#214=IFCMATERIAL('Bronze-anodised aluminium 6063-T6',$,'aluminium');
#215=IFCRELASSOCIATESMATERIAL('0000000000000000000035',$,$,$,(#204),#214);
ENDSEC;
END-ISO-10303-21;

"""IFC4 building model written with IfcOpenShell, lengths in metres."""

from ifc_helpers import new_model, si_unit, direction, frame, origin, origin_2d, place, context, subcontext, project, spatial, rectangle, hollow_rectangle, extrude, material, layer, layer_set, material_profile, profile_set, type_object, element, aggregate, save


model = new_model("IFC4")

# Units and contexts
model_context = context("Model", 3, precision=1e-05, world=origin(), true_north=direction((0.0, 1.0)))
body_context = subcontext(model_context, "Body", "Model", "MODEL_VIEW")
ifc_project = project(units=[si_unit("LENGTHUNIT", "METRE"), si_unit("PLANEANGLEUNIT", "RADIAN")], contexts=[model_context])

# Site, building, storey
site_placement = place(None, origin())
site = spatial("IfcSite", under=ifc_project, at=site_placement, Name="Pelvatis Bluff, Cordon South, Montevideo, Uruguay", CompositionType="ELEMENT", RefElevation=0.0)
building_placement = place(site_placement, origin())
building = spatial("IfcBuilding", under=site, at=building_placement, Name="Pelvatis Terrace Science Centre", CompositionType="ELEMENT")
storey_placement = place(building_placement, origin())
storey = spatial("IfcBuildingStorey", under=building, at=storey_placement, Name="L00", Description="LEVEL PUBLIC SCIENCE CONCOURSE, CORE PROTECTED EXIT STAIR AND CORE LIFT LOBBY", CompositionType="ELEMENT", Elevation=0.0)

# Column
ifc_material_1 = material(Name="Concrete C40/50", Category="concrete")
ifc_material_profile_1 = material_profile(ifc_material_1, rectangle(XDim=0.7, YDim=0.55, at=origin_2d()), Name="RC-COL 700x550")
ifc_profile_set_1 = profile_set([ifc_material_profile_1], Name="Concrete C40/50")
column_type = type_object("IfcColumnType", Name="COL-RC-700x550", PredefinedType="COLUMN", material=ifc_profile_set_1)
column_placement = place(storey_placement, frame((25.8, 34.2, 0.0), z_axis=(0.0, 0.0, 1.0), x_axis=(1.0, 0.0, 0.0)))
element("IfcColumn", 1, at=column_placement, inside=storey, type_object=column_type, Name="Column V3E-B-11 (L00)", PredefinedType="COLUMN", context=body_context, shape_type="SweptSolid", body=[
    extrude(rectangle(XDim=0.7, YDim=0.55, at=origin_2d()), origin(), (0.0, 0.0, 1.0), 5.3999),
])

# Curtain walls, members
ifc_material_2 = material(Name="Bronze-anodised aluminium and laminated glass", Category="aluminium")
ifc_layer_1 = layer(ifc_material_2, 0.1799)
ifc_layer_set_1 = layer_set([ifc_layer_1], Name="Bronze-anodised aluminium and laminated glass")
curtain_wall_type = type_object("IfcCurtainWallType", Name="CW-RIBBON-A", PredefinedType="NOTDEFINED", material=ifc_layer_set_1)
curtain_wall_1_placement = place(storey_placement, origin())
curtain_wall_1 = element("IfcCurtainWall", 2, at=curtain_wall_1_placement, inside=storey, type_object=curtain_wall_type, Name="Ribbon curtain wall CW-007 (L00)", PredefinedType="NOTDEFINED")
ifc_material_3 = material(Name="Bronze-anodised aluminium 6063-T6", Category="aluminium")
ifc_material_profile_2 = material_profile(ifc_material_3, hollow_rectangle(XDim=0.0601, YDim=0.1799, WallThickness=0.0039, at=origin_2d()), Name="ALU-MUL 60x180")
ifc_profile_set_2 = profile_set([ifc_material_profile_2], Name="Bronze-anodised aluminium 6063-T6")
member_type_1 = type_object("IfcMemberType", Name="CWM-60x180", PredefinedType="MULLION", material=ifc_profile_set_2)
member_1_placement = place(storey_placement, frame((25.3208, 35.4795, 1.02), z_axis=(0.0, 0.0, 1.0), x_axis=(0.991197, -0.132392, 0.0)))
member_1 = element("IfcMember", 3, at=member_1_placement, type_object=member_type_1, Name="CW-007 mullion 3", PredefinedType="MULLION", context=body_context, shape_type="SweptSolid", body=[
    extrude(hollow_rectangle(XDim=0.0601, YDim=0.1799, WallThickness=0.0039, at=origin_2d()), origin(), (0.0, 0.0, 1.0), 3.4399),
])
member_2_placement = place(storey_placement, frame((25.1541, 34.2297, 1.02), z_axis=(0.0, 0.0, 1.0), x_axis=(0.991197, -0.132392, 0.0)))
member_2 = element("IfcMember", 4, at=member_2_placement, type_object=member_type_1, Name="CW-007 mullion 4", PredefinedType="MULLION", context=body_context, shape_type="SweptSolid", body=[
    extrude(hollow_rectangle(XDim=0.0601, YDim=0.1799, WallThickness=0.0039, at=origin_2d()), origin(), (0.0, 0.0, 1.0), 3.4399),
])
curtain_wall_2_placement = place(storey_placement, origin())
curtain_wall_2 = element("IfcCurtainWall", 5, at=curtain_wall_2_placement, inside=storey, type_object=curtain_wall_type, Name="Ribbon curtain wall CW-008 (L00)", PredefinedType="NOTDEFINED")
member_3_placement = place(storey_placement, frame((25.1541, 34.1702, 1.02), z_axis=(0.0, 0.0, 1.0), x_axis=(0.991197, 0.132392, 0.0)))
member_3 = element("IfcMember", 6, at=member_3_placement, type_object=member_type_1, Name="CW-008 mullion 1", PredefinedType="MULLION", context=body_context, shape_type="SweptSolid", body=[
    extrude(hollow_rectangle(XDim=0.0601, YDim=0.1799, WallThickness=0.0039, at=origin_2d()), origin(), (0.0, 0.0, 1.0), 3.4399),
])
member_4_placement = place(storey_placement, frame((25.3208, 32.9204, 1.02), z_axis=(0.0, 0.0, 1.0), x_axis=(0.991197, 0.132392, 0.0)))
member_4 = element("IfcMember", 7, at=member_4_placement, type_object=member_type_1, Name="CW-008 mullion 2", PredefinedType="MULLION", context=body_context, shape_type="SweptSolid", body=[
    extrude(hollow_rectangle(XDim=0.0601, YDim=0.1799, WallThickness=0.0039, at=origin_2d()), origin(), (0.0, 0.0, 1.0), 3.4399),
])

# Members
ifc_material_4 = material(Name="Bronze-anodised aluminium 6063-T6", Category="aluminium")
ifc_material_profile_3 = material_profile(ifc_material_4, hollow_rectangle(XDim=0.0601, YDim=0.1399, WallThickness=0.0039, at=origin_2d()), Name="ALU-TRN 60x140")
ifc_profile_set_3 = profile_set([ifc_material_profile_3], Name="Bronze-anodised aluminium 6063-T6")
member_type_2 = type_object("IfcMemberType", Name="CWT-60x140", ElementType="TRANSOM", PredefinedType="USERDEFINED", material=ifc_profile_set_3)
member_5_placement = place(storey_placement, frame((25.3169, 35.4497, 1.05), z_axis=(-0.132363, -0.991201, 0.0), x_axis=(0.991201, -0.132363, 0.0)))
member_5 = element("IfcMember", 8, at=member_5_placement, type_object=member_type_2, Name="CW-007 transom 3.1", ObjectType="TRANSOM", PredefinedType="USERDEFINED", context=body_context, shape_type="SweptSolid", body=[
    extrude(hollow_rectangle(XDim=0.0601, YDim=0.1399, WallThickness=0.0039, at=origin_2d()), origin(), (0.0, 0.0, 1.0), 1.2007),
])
++++
*EXERCISE INSTRUCTIONS*.
Count every line in the listing where the string "contexts" occurs. Give the total alone.

*SOLUTION TO THIS EXERCISE*.
2